▶ [WHAT YOU NEED TO DO] In the entries that follow, find the line containing "#44=IFCINDEXEDPOLYGONALFACE((1,2,4,3));"; from there, copy every line exactly through the line containing "#52=IFCINDEXEDPOLYGONALFACE((11,12,16,15));".
^^^^^^^^^^^^^^^^
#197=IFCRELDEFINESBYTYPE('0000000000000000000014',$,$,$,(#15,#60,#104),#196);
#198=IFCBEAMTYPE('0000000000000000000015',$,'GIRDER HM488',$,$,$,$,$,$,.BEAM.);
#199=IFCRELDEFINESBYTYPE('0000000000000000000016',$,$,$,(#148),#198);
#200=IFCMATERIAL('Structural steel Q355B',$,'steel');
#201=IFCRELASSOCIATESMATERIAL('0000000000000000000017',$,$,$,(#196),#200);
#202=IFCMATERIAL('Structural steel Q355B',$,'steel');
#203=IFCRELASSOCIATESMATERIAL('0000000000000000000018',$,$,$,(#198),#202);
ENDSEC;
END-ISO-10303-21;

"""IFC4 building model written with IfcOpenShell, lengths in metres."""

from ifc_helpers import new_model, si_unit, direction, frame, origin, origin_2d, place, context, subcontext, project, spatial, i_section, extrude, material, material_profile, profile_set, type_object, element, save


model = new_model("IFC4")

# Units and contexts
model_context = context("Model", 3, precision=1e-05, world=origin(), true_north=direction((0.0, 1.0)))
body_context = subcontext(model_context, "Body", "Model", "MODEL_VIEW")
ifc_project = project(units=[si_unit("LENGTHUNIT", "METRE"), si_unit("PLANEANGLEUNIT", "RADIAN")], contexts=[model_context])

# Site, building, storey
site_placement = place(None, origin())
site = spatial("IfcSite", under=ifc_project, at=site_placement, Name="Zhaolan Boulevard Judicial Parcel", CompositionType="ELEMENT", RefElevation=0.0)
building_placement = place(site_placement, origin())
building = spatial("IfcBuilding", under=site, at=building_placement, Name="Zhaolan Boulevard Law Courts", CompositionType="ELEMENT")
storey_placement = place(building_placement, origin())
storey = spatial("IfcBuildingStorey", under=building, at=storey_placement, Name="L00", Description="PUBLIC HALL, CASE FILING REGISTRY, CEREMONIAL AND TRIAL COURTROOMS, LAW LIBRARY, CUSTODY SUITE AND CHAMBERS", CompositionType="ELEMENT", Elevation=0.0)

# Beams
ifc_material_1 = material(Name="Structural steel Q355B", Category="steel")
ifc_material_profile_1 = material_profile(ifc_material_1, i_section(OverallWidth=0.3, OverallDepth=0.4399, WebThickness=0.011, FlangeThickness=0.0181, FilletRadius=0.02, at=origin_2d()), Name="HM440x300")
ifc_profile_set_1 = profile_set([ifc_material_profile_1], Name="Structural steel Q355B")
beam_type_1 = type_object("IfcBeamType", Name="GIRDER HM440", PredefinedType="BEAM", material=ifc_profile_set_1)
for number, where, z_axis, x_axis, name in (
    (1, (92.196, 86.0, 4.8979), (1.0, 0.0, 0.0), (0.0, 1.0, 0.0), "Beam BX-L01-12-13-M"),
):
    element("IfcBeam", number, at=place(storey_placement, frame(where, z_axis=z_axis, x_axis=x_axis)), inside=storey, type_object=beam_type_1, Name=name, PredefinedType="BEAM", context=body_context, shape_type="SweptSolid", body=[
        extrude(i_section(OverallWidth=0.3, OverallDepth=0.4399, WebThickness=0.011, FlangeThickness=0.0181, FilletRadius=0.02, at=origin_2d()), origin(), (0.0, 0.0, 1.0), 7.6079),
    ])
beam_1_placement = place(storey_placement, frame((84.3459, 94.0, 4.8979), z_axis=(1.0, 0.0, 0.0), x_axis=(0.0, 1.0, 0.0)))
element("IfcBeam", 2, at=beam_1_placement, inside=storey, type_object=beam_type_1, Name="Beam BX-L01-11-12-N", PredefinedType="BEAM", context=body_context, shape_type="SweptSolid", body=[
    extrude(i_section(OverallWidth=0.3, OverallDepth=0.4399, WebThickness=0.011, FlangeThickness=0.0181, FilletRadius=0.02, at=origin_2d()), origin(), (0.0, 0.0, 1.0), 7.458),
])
^^^^^^^^^^^^^^^^
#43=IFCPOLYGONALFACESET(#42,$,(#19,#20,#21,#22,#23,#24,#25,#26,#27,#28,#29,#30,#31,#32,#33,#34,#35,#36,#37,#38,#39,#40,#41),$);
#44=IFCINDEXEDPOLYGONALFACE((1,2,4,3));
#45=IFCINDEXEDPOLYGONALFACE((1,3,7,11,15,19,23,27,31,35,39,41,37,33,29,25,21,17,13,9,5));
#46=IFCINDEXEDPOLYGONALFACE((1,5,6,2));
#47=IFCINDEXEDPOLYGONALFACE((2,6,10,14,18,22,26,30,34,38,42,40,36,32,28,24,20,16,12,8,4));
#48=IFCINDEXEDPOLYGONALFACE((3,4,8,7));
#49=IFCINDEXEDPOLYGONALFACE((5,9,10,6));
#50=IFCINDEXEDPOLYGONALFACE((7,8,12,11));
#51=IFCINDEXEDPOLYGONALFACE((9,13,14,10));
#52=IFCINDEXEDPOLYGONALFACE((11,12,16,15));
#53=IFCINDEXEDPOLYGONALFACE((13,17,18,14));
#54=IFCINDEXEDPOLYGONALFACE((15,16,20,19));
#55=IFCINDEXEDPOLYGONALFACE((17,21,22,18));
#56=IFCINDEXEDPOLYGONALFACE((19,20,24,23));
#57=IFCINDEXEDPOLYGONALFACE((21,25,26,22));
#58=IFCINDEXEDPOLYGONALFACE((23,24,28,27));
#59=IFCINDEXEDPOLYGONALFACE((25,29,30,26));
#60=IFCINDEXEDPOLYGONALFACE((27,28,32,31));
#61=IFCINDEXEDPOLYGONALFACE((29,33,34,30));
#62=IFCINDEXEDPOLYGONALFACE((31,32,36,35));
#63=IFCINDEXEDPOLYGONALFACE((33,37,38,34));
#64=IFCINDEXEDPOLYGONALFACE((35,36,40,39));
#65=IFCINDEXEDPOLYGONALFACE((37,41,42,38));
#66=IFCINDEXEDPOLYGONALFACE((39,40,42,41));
^^^^^^^^^^^^^^^^
▶ [RESPONSE BOX]
#44=IFCINDEXEDPOLYGONALFACE((1,2,4,3));
#45=IFCINDEXEDPOLYGONALFACE((1,3,7,11,15,19,23,27,31,35,39,41,37,33,29,25,21,17,13,9,5));
#46=IFCINDEXEDPOLYGONALFACE((1,5,6,2));
#47=IFCINDEXEDPOLYGONALFACE((2,6,10,14,18,22,26,30,34,38,42,40,36,32,28,24,20,16,12,8,4));
#48=IFCINDEXEDPOLYGONALFACE((3,4,8,7));
#49=IFCINDEXEDPOLYGONALFACE((5,9,10,6));
#50=IFCINDEXEDPOLYGONALFACE((7,8,12,11));
#51=IFCINDEXEDPOLYGONALFACE((9,13,14,10));
#52=IFCINDEXEDPOLYGONALFACE((11,12,16,15));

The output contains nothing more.